Stored data:
-- Opening Marker --

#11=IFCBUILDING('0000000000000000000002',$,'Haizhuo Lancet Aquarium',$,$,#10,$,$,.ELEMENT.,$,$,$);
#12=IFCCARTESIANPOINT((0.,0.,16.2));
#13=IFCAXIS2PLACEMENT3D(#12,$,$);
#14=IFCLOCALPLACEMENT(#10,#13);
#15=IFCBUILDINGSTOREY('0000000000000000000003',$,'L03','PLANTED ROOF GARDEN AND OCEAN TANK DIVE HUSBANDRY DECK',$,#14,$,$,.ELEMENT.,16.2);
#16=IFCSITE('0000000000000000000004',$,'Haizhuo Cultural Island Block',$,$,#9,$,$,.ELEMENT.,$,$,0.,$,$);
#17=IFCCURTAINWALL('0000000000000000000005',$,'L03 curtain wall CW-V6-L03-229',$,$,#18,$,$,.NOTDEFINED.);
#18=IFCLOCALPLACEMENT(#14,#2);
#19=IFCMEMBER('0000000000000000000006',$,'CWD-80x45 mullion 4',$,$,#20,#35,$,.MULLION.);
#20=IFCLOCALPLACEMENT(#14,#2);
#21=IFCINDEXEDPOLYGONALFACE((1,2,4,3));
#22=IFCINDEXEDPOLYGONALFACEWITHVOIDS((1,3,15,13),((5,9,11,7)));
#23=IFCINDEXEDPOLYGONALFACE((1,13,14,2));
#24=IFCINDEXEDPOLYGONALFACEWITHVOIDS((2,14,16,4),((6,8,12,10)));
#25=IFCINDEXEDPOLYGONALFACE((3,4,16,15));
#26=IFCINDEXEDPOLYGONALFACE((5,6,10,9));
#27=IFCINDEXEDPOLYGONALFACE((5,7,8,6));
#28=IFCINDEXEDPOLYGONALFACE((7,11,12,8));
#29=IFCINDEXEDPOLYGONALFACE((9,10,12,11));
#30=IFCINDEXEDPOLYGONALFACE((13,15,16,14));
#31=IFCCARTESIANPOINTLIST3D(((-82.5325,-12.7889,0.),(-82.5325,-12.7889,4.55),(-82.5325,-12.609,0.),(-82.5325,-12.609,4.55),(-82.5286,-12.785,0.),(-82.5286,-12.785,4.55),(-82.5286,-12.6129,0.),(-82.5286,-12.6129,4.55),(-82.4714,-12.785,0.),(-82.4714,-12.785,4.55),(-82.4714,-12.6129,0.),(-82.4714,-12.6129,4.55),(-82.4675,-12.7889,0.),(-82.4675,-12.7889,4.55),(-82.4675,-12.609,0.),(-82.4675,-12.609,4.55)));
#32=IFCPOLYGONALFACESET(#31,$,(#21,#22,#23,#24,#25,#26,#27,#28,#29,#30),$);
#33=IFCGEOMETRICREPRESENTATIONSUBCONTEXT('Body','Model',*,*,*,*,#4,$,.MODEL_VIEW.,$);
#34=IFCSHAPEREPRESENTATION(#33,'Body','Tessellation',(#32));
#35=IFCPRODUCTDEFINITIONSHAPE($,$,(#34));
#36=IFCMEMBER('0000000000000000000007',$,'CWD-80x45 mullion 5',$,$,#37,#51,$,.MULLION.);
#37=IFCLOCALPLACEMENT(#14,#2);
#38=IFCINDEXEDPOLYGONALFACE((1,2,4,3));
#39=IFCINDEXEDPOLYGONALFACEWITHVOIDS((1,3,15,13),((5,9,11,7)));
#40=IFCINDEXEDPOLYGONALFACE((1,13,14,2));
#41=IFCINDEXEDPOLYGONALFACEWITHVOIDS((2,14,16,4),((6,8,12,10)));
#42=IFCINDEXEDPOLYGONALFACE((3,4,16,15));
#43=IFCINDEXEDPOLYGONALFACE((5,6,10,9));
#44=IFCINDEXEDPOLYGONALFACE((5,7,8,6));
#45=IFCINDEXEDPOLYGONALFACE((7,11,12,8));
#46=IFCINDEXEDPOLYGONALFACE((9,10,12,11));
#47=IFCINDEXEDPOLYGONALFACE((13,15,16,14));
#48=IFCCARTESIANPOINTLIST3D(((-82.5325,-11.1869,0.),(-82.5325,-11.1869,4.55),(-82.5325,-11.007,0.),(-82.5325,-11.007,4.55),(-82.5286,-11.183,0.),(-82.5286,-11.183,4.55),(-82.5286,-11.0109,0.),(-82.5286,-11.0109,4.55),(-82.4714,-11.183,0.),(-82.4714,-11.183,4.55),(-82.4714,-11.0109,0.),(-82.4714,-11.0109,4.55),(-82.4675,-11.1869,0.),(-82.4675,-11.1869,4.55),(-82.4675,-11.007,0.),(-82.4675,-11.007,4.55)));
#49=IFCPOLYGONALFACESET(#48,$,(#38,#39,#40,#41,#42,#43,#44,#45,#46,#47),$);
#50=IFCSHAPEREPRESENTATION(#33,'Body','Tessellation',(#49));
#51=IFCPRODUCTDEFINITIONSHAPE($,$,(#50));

-- Closing Marker --

▶ _WHAT IS BEING ASKED_
The answer should be a number alone: the count of lines in the records that hold the word "IFCMEMBER".

▶ _THE COMPLETED TASK_
2